[Dataset items]
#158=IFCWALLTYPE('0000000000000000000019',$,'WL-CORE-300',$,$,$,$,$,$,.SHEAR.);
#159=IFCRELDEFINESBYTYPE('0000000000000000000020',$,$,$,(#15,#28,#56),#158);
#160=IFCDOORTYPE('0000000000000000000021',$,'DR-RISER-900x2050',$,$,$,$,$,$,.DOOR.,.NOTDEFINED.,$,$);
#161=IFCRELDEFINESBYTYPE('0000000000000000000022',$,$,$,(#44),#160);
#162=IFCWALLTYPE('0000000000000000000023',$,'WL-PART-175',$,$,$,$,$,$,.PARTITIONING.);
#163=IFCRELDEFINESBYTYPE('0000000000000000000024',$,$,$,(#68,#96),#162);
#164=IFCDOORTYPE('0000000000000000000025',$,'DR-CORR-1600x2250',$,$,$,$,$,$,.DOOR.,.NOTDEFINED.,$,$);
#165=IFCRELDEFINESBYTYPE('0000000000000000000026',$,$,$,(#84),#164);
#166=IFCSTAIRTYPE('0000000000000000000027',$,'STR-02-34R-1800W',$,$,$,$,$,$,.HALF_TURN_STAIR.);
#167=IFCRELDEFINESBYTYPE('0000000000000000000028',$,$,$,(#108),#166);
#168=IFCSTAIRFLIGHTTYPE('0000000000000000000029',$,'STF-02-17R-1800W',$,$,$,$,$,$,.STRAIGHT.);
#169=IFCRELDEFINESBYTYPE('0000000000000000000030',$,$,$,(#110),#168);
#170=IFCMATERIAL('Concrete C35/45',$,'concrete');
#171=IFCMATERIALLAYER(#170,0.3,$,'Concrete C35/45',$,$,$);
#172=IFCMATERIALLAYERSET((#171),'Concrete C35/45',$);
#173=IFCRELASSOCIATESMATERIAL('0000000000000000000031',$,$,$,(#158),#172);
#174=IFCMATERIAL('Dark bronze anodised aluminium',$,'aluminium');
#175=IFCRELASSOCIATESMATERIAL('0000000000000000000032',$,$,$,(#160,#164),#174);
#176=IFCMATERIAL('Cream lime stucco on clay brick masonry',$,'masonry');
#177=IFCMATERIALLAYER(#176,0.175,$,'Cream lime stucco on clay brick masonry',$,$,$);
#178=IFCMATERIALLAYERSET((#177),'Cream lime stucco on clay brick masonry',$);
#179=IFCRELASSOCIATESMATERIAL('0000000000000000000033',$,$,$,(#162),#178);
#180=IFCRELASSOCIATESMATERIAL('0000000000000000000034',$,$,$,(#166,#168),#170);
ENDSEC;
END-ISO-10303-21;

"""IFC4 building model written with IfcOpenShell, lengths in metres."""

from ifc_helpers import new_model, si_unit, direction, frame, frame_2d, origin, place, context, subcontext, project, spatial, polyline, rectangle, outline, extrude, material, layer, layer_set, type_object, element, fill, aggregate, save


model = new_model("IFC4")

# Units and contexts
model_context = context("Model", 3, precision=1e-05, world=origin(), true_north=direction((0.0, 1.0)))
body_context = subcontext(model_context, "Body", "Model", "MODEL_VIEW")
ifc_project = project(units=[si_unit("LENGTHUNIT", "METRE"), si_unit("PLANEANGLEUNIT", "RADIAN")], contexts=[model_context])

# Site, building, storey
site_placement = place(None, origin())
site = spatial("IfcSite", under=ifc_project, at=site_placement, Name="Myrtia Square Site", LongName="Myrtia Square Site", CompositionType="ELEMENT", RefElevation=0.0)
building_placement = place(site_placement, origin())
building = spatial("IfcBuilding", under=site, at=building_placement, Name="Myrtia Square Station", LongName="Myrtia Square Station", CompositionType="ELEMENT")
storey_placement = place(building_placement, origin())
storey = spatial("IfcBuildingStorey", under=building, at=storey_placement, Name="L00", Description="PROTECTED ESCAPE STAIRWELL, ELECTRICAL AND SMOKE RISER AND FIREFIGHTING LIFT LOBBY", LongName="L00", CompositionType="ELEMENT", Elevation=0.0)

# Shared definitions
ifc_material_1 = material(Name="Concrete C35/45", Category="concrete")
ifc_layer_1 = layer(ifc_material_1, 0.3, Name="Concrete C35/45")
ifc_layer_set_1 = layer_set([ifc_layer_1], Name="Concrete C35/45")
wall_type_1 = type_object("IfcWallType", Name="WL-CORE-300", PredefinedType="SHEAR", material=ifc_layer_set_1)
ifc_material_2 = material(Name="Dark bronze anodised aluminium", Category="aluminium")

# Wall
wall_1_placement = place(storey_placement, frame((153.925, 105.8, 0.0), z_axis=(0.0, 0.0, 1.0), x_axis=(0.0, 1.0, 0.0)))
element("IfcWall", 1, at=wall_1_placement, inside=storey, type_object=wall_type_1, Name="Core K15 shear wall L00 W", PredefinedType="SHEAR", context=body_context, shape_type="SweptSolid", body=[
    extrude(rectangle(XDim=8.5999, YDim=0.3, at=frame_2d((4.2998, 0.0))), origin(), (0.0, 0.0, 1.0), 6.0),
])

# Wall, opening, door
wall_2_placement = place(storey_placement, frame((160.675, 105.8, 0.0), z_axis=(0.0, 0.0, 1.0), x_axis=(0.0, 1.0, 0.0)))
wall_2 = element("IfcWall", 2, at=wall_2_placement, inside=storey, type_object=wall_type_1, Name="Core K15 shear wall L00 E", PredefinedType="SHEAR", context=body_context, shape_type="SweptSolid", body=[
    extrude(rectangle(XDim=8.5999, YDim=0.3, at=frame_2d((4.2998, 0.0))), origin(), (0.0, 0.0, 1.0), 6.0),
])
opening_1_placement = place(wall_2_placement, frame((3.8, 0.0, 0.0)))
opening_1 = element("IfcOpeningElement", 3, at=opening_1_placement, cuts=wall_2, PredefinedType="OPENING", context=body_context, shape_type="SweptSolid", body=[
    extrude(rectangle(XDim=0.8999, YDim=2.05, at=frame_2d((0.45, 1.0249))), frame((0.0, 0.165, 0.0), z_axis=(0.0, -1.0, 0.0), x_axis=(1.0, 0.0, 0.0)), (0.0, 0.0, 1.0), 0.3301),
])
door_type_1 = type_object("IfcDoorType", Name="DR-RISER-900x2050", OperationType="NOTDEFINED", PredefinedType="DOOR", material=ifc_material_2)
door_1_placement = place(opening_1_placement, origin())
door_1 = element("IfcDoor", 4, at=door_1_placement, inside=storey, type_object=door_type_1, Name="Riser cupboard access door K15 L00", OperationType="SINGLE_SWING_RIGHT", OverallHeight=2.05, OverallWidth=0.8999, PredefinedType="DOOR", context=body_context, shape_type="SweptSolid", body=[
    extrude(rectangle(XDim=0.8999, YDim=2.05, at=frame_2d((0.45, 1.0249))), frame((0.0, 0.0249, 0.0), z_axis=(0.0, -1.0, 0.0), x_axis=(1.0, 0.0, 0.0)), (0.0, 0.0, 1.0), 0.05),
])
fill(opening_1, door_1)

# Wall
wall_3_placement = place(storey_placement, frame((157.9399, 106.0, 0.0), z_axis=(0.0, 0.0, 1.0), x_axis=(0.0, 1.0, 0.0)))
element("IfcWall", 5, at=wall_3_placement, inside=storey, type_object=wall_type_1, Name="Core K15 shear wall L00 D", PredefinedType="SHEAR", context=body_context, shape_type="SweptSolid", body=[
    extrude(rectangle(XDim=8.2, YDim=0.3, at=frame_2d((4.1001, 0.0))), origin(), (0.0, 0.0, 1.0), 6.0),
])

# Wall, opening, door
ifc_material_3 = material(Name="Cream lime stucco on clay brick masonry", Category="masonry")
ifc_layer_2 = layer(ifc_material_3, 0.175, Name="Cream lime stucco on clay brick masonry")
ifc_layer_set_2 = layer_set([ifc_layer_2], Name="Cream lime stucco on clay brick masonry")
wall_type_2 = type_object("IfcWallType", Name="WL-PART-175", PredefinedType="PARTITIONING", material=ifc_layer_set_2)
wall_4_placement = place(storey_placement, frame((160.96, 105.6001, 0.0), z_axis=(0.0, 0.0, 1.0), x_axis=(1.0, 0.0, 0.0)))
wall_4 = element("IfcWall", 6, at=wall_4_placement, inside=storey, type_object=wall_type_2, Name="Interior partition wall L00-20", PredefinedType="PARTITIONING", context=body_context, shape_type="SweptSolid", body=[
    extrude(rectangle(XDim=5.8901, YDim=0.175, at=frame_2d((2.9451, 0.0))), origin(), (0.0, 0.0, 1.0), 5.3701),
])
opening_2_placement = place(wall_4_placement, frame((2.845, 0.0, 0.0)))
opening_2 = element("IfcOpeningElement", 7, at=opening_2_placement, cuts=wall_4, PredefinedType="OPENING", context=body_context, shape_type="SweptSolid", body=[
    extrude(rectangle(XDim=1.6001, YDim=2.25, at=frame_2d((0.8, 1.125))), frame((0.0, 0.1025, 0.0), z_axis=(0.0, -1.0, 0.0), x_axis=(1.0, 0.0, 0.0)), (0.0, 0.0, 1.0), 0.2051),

• **What you should do**
Both the line containing "site_placement = place(None, origin())" and the line containing "building_placement = place(site_placement, origin())" belong in the answer. Print them and every line above that falls between them exactly, and no others.

• **Your solution**
site_placement = place(None, origin())
site = spatial("IfcSite", under=ifc_project, at=site_placement, Name="Myrtia Square Site", LongName="Myrtia Square Site", CompositionType="ELEMENT", RefElevation=0.0)
building_placement = place(site_placement, origin())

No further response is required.